● **Required action**: In the listing that follows, tally the lines containing "IFCINDEXEDPOLYGONALFACE"; give the count and nothing more.

[Start of Attachment]

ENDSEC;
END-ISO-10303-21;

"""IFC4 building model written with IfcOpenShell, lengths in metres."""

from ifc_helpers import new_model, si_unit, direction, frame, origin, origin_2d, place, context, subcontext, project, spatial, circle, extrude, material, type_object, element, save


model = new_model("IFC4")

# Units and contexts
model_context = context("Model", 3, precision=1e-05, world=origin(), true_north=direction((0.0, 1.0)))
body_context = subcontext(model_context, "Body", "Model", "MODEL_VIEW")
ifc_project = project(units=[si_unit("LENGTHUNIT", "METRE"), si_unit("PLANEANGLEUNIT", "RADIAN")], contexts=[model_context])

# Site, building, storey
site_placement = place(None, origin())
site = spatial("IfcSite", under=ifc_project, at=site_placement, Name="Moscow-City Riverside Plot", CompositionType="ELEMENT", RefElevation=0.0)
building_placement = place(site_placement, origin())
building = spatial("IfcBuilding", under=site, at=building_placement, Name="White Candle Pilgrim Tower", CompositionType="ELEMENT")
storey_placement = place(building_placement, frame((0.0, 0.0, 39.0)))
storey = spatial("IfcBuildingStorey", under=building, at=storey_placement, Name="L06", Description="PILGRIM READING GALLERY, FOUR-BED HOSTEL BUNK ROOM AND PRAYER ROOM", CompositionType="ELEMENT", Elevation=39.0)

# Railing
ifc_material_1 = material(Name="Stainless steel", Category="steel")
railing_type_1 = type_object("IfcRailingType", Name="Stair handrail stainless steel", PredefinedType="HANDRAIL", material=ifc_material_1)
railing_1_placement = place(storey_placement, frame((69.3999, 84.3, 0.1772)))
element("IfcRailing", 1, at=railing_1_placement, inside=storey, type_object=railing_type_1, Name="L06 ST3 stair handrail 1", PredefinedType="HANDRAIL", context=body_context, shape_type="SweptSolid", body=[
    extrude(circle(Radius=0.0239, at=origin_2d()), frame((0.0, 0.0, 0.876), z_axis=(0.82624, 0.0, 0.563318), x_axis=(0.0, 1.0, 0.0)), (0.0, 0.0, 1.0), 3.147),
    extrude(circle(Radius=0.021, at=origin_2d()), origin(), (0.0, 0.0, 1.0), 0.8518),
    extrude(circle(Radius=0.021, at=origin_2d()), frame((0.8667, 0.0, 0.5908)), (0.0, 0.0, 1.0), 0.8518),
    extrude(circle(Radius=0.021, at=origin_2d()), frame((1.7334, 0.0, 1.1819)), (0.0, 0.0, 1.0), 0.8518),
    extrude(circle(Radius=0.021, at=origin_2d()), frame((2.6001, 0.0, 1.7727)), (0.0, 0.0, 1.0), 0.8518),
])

[End of Attachment]
[Start of Attachment]

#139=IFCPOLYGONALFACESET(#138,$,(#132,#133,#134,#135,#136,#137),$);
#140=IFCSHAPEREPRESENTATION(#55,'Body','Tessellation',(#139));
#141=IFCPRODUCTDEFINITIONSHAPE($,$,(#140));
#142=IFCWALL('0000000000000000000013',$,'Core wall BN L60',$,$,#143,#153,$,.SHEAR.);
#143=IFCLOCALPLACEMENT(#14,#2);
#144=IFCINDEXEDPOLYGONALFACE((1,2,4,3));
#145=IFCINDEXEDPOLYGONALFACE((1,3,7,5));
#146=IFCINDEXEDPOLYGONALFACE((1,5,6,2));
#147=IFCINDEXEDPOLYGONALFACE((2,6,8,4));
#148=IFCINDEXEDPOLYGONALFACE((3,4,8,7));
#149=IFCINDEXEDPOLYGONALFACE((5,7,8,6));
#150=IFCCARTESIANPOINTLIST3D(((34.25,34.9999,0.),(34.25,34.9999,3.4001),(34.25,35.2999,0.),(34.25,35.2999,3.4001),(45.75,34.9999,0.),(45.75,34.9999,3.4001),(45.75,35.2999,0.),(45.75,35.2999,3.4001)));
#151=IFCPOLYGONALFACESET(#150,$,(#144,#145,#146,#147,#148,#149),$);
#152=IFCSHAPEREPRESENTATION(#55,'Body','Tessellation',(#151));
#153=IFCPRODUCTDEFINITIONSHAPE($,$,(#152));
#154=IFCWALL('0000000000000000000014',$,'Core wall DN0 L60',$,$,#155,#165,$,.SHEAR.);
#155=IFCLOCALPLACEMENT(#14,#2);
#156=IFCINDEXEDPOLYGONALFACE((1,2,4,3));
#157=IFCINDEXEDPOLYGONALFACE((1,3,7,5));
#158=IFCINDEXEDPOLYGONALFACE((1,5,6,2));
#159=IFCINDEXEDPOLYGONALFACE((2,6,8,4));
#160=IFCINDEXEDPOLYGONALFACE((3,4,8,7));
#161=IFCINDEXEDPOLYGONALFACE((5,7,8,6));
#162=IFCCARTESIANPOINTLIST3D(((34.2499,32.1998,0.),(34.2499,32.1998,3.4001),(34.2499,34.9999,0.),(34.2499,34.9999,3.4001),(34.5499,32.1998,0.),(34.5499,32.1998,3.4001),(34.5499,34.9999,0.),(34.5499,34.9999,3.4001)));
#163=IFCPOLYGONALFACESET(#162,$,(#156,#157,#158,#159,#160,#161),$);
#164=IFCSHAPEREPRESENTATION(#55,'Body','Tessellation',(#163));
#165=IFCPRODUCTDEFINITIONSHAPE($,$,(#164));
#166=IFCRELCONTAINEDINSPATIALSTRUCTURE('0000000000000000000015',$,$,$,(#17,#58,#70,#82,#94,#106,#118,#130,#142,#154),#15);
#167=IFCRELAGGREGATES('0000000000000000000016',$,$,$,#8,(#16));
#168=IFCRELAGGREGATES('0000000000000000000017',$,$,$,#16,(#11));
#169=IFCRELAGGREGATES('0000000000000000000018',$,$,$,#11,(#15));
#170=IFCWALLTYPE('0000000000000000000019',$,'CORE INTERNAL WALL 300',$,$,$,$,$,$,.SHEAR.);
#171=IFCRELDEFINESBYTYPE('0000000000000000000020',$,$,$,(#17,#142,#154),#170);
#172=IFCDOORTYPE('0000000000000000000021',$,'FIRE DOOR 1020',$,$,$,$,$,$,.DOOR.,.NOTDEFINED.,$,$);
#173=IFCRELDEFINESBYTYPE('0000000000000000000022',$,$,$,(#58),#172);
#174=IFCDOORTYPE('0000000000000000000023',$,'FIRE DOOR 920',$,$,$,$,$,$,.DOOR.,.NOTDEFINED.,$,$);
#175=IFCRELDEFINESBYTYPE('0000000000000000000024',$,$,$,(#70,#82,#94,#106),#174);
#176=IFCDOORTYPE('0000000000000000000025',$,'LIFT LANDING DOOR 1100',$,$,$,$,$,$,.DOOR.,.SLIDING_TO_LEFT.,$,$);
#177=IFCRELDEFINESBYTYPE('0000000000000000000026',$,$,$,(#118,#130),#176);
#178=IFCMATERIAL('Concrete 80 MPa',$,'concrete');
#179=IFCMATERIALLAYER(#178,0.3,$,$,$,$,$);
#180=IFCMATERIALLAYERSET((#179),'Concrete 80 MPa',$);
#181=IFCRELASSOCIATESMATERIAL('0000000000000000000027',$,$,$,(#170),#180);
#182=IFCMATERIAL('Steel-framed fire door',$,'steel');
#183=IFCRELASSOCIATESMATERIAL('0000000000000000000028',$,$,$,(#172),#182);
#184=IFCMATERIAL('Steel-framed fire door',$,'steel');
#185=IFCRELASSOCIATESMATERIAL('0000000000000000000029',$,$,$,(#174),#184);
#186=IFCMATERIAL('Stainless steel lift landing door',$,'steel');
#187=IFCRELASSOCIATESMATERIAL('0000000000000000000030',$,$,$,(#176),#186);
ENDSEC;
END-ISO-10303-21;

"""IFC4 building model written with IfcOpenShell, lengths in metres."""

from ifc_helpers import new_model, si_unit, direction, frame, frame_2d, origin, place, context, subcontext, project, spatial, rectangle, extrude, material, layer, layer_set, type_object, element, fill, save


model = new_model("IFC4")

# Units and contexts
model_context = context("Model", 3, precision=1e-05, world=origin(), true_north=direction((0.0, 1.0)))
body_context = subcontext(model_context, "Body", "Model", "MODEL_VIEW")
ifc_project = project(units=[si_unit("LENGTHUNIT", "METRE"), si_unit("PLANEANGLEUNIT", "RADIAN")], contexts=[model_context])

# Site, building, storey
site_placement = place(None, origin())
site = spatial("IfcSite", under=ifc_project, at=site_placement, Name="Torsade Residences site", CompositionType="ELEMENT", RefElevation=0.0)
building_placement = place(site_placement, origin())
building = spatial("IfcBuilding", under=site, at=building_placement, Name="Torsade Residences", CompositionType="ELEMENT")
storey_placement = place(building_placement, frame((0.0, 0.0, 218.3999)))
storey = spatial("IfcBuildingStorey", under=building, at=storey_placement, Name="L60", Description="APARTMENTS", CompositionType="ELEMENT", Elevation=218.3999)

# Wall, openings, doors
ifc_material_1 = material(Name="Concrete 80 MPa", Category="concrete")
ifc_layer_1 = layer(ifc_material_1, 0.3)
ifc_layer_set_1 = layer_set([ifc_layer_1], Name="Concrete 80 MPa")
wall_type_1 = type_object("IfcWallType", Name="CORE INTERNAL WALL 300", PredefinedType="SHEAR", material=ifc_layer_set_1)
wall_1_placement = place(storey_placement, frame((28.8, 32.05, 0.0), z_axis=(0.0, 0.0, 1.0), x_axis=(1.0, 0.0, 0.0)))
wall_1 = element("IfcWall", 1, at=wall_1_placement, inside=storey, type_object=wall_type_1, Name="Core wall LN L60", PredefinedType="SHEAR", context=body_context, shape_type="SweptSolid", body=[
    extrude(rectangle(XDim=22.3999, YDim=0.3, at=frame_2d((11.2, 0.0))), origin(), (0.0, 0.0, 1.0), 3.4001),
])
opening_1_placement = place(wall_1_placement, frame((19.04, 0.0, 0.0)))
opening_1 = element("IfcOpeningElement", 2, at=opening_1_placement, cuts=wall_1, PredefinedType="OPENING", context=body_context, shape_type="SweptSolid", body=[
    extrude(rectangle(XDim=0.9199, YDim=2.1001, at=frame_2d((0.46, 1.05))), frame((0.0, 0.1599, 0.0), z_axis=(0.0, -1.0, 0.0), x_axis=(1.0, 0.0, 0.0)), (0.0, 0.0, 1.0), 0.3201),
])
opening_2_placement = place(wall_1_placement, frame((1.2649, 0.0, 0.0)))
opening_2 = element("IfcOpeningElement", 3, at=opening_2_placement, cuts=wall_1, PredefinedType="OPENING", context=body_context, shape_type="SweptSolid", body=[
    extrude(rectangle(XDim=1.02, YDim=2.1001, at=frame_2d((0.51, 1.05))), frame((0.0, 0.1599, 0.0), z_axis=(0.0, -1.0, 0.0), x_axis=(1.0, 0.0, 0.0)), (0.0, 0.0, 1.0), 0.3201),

[End of Attachment]

● **Exercise answer**: 12